Records from a data source
════════════════

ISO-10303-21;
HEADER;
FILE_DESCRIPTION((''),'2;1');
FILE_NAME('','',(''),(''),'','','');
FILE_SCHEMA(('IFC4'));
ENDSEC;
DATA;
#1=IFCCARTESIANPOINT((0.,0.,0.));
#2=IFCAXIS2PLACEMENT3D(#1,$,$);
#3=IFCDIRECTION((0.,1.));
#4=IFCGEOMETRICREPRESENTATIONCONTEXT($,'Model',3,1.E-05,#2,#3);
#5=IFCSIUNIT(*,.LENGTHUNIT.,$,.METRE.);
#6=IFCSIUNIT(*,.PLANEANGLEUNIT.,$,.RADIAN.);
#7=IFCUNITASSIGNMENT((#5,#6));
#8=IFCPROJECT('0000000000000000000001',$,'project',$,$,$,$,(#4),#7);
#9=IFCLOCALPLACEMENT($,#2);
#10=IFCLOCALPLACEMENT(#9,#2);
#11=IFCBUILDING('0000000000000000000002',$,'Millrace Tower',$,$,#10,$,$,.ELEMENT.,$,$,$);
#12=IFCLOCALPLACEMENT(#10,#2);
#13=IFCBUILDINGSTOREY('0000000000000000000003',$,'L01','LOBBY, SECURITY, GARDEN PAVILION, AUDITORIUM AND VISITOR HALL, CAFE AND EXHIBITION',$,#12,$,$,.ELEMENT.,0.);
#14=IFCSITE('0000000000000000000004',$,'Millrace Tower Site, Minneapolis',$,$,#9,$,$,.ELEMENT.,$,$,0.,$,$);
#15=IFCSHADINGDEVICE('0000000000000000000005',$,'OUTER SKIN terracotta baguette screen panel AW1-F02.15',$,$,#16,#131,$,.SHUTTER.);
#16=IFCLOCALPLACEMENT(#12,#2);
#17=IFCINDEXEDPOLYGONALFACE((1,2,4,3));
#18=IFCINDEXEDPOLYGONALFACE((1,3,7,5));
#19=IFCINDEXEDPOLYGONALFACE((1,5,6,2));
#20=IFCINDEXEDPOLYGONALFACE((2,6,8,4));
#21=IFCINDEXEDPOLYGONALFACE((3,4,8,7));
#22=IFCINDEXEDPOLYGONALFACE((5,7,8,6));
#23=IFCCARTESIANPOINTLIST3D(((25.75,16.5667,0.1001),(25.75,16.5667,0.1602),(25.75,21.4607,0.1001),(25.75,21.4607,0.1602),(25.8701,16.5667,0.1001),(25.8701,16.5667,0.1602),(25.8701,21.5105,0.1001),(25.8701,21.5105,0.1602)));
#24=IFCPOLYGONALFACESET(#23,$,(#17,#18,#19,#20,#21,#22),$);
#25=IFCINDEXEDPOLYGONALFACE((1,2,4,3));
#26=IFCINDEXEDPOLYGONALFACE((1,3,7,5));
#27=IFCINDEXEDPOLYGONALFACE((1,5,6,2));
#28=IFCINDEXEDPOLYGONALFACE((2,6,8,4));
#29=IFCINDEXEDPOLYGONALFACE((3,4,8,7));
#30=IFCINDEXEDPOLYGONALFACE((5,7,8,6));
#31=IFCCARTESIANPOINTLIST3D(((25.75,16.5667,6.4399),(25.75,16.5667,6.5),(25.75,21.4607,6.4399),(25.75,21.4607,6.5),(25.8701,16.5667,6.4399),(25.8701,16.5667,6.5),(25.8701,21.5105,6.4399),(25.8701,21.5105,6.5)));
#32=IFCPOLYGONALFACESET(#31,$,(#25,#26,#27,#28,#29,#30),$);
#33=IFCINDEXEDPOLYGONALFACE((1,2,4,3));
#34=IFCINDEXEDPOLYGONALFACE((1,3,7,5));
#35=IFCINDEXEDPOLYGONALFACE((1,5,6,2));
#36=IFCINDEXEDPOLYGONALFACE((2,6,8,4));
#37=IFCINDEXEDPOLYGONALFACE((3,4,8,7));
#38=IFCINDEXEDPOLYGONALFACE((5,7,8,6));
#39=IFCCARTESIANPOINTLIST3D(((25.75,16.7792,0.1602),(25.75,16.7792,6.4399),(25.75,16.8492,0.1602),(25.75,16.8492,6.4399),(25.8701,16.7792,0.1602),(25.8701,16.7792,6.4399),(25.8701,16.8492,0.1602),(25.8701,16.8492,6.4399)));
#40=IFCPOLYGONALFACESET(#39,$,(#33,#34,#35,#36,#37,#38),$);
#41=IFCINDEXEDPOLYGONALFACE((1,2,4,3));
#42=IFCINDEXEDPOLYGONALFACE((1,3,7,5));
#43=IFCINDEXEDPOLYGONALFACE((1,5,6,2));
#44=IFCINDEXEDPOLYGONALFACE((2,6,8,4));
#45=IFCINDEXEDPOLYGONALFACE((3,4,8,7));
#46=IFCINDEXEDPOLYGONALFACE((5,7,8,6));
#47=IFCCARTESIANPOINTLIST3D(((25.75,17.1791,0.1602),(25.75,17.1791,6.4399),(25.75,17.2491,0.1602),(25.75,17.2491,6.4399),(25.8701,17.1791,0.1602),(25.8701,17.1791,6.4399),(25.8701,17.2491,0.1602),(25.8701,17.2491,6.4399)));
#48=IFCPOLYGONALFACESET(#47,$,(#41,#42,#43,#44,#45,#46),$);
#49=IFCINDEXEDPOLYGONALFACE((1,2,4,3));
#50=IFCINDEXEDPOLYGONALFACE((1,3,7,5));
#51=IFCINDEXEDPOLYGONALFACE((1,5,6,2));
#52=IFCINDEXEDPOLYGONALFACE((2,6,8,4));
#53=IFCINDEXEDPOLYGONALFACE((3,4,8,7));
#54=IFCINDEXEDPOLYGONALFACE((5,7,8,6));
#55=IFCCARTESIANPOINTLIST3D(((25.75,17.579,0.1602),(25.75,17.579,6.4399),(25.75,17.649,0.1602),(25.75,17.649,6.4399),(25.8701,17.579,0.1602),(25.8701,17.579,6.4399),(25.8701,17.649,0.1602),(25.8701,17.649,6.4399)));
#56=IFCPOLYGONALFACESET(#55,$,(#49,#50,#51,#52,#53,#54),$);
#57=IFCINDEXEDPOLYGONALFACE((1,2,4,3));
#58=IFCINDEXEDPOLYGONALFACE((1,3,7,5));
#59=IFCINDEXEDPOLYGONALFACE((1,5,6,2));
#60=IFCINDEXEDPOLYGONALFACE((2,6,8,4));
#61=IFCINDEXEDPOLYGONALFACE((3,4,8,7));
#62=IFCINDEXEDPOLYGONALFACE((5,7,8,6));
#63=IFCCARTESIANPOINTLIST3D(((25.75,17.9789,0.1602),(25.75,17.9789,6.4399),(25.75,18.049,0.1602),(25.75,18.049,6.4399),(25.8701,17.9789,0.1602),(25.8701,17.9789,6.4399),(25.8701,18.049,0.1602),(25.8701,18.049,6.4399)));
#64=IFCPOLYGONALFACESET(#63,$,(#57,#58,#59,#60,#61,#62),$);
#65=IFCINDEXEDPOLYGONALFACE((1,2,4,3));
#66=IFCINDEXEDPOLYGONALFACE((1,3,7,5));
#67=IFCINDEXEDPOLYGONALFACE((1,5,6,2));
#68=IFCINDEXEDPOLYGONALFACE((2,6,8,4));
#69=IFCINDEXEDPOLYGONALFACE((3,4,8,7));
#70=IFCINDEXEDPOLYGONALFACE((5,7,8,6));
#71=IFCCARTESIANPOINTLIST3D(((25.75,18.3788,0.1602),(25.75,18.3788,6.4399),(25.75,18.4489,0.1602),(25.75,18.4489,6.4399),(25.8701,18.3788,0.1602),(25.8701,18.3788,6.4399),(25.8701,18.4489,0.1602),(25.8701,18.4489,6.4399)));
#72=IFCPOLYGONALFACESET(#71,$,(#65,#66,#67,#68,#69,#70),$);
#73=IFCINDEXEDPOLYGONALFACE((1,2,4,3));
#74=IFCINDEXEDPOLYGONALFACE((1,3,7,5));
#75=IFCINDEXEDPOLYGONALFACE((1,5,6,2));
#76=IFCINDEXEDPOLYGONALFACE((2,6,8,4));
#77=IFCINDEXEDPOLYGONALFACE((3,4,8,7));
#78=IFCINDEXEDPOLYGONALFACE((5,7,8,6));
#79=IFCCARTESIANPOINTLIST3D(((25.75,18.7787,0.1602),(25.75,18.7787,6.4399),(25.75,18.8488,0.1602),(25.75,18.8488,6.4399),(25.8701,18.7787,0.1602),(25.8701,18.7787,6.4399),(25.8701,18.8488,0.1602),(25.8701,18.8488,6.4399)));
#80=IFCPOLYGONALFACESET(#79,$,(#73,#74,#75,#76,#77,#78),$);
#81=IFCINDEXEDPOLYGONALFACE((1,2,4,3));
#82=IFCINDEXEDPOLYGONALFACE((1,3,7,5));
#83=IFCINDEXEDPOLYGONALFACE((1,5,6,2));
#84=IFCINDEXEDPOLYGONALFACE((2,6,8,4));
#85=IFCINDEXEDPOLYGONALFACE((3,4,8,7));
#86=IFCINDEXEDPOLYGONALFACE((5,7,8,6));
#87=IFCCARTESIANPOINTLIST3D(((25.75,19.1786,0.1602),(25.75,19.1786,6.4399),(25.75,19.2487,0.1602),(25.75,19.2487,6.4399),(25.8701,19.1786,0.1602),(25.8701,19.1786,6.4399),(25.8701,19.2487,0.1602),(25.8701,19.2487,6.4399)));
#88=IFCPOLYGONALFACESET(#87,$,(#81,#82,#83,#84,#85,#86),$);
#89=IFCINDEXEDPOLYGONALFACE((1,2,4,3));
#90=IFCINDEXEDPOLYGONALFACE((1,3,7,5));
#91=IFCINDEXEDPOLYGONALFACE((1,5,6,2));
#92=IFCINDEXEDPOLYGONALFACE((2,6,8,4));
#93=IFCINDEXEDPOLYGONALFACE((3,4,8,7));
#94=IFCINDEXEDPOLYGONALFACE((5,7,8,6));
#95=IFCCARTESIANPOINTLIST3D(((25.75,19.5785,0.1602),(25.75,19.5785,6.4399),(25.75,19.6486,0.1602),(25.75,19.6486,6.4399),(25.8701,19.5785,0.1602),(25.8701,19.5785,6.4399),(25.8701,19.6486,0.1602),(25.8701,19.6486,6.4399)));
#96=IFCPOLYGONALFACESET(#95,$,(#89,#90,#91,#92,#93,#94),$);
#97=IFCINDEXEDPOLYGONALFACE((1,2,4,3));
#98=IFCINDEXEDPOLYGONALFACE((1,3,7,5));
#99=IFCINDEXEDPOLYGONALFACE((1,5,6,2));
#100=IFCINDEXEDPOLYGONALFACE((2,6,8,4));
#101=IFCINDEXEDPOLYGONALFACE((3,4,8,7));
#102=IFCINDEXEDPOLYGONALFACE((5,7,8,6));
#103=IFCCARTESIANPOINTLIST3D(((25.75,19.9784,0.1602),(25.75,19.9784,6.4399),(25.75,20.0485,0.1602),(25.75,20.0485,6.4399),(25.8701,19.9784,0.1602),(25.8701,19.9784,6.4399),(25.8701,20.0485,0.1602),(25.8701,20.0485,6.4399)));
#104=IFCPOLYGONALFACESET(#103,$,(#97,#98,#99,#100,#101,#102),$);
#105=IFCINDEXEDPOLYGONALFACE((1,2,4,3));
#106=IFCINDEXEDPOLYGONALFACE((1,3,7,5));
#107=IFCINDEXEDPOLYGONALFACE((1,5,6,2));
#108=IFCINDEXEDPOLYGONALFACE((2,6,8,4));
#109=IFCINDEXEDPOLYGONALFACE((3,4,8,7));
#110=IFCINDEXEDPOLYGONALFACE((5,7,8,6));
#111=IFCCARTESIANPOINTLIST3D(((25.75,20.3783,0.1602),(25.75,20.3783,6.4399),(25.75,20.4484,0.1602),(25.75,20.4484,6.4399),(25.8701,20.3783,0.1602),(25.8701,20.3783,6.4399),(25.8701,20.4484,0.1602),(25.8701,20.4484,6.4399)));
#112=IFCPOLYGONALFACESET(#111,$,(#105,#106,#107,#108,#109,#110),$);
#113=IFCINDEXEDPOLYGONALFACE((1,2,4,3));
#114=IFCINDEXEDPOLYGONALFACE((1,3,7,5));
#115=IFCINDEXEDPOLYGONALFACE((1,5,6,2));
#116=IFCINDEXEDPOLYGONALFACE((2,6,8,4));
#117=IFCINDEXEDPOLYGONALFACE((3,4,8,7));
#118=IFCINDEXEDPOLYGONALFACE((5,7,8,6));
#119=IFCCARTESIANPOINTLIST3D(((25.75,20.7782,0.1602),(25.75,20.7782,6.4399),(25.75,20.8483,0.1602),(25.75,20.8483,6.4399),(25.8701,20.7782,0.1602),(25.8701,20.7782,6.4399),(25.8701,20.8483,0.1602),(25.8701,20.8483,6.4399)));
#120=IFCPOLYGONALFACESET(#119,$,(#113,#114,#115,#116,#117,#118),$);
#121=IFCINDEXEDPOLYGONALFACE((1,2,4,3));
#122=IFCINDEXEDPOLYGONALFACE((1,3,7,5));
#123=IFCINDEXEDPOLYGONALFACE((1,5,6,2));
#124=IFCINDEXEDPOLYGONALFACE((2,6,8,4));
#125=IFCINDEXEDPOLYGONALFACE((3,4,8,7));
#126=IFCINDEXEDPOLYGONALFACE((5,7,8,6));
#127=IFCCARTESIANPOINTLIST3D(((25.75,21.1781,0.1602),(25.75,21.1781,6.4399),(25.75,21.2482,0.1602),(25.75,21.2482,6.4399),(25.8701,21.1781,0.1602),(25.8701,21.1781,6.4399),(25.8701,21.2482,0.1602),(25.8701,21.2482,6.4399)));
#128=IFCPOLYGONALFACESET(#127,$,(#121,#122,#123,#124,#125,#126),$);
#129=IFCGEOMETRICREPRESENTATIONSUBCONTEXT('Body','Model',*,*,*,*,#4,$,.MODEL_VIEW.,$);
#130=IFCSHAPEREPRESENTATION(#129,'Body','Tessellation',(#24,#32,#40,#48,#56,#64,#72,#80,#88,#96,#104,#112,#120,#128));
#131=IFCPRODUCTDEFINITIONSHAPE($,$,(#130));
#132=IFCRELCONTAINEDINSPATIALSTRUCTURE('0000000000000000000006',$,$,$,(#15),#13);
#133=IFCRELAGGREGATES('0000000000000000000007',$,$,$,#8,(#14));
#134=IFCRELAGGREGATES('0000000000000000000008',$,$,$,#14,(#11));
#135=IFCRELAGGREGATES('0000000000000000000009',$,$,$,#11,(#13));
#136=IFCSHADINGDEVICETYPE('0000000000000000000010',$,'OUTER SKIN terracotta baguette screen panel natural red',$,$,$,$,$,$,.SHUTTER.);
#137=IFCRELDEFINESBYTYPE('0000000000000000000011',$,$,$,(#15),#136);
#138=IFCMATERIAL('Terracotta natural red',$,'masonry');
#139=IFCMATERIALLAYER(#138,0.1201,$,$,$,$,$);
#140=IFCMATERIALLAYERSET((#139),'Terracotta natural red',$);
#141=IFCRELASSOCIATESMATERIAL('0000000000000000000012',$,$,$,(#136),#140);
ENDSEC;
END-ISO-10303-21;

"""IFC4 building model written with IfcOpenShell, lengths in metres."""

from ifc_helpers import new_model, entity, si_unit, direction, frame, frame_2d, origin, place, context, subcontext, project, spatial, rectangle, extrude, source, transform, mapped, material, layer, layer_set, type_object, element, save


model = new_model("IFC4")

# Units and contexts
model_context = context("Model", 3, precision=1e-05, world=origin(), true_north=direction((0.0, 1.0)))
body_context = subcontext(model_context, "Body", "Model", "MODEL_VIEW")
ifc_project = project(units=[si_unit("LENGTHUNIT", "METRE"), si_unit("PLANEANGLEUNIT", "RADIAN")], contexts=[model_context])

# Site, building, storey
site_placement = place(None, origin())
site = spatial("IfcSite", under=ifc_project, at=site_placement, Name="Millrace Tower Site, Minneapolis", CompositionType="ELEMENT", RefElevation=0.0)
building_placement = place(site_placement, origin())
building = spatial("IfcBuilding", under=site, at=building_placement, Name="Millrace Tower", CompositionType="ELEMENT")
storey_placement = place(building_placement, origin())
storey = spatial("IfcBuildingStorey", under=building, at=storey_placement, Name="L01", Description="LOBBY, SECURITY, GARDEN PAVILION, AUDITORIUM AND VISITOR HALL, CAFE AND EXHIBITION", CompositionType="ELEMENT", Elevation=0.0)

# Shading device
ifc_material_1 = material(Name="Terracotta natural red", Category="masonry")
ifc_layer_1 = layer(ifc_material_1, 0.1201)
ifc_layer_set_1 = layer_set([ifc_layer_1], Name="Terracotta natural red")
shading_device_type = type_object("IfcShadingDeviceType", Name="OUTER SKIN terracotta baguette screen panel natural red", PredefinedType="SHUTTER", material=ifc_layer_set_1)
cartesian_point_1 = entity("IfcCartesianPoint", [-2.4595, 0.0601])
shared_polyline_1 = entity("IfcPolyline", [cartesian_point_1, entity("IfcCartesianPoint", [2.4346, 0.0601]), entity("IfcCartesianPoint", [2.4844, -0.0601]), entity("IfcCartesianPoint", [-2.4595, -0.0601]), cartesian_point_1])
shared_shape_1 = source(origin(), body_context, "Body", "SweptSolid", [
    entity("IfcExtrudedAreaSolid", entity("IfcArbitraryClosedProfileDef", "AREA", None, shared_polyline_1), entity("IfcAxis2Placement3D", entity("IfcCartesianPoint", [0.0, 0.0, 0.0])), entity("IfcDirection", [0.0, 0.0, 1.0]), 0.0601),
    entity("IfcExtrudedAreaSolid", entity("IfcArbitraryClosedProfileDef", "AREA", None, shared_polyline_1), entity("IfcAxis2Placement3D", entity("IfcCartesianPoint", [0.0, 0.0, 6.3398])), entity("IfcDirection", [0.0, 0.0, 1.0]), 0.0601),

════════════════

* ASSIGNMENT
Among the lines above, find those with the word "IFCLOCALPLACEMENT". Copy them.

* ANSWER TO THIS PROBLEM
#9=IFCLOCALPLACEMENT($,#2);
#10=IFCLOCALPLACEMENT(#9,#2);
#12=IFCLOCALPLACEMENT(#10,#2);
#16=IFCLOCALPLACEMENT(#12,#2);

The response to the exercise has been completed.